• Work item
Identify each line below that contains the word "subcontext", and copy it out.

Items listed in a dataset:
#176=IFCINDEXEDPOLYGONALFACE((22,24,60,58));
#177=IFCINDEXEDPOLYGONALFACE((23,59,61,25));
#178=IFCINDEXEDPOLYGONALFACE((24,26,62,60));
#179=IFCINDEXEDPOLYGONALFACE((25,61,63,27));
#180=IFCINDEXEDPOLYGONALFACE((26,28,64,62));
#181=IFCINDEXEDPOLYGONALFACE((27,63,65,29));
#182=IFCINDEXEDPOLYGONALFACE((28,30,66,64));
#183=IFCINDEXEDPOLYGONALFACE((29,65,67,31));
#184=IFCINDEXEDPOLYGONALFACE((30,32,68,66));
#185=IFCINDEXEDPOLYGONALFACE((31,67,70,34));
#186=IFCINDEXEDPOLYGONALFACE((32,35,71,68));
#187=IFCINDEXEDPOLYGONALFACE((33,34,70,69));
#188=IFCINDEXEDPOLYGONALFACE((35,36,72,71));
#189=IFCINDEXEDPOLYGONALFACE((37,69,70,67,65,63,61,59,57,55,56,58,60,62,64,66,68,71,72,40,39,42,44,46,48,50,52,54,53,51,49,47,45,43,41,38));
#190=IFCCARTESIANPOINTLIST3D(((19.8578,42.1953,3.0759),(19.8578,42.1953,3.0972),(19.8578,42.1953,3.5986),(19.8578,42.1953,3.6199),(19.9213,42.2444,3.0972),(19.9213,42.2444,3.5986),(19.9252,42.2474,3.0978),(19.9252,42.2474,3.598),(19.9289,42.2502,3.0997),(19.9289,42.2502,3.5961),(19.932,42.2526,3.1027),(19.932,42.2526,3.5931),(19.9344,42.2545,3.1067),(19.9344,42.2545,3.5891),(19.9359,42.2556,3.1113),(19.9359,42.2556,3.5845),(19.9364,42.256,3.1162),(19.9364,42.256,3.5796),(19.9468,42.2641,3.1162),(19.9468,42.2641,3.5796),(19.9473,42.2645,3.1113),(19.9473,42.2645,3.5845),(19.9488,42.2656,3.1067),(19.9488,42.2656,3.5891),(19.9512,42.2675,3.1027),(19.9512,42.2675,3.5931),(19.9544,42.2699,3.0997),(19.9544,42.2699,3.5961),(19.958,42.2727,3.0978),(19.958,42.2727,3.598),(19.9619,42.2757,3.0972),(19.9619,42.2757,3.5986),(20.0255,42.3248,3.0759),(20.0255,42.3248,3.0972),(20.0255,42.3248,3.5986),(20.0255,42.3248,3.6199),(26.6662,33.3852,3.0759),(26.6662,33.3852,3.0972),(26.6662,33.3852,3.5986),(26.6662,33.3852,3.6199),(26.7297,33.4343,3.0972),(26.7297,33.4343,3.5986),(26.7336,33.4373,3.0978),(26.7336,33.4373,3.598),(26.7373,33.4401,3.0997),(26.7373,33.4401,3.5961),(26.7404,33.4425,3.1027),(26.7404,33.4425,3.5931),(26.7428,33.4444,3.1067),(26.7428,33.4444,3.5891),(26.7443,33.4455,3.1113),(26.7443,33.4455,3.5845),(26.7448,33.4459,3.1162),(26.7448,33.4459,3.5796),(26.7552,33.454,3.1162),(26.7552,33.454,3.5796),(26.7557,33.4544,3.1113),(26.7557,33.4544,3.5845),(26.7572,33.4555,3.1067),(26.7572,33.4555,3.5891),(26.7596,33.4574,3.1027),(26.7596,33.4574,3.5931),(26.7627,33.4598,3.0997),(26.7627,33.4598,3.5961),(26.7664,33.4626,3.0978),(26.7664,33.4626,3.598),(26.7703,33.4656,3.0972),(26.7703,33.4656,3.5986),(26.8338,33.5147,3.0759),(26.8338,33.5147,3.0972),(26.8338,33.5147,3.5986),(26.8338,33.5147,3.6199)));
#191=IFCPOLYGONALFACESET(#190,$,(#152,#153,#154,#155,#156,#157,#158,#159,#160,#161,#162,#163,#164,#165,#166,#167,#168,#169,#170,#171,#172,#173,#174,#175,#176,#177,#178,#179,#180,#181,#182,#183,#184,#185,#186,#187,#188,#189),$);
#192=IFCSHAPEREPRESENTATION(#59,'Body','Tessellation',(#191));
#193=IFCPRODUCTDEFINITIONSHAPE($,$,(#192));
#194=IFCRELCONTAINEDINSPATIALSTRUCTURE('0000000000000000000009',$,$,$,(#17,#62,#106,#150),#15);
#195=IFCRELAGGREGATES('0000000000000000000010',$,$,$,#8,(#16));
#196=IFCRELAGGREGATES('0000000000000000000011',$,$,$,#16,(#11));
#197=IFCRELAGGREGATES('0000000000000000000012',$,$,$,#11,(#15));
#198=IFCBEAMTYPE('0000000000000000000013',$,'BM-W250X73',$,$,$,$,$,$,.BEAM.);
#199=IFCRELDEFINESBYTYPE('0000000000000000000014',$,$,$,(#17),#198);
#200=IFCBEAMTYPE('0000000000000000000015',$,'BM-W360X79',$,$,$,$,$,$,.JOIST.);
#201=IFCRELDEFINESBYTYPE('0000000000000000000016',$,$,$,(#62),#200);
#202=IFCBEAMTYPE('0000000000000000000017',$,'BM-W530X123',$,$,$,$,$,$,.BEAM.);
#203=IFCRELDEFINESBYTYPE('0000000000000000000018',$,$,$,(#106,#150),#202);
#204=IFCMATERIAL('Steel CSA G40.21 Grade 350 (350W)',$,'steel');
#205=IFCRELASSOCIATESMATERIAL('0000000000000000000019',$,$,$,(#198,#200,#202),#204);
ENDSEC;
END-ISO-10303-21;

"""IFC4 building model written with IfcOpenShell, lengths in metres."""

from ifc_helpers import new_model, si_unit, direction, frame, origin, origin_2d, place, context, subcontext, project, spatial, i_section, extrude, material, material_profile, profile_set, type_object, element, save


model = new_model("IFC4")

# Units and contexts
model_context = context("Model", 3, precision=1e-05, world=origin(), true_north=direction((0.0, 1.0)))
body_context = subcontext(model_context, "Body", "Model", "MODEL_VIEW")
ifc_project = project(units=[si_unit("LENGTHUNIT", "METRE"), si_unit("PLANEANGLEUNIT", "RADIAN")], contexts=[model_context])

• Task answer
from ifc_helpers import new_model, si_unit, direction, frame, origin, origin_2d, place, context, subcontext, project, spatial, i_section, extrude, material, material_profile, profile_set, type_object, element, save
body_context = subcontext(model_context, "Body", "Model", "MODEL_VIEW")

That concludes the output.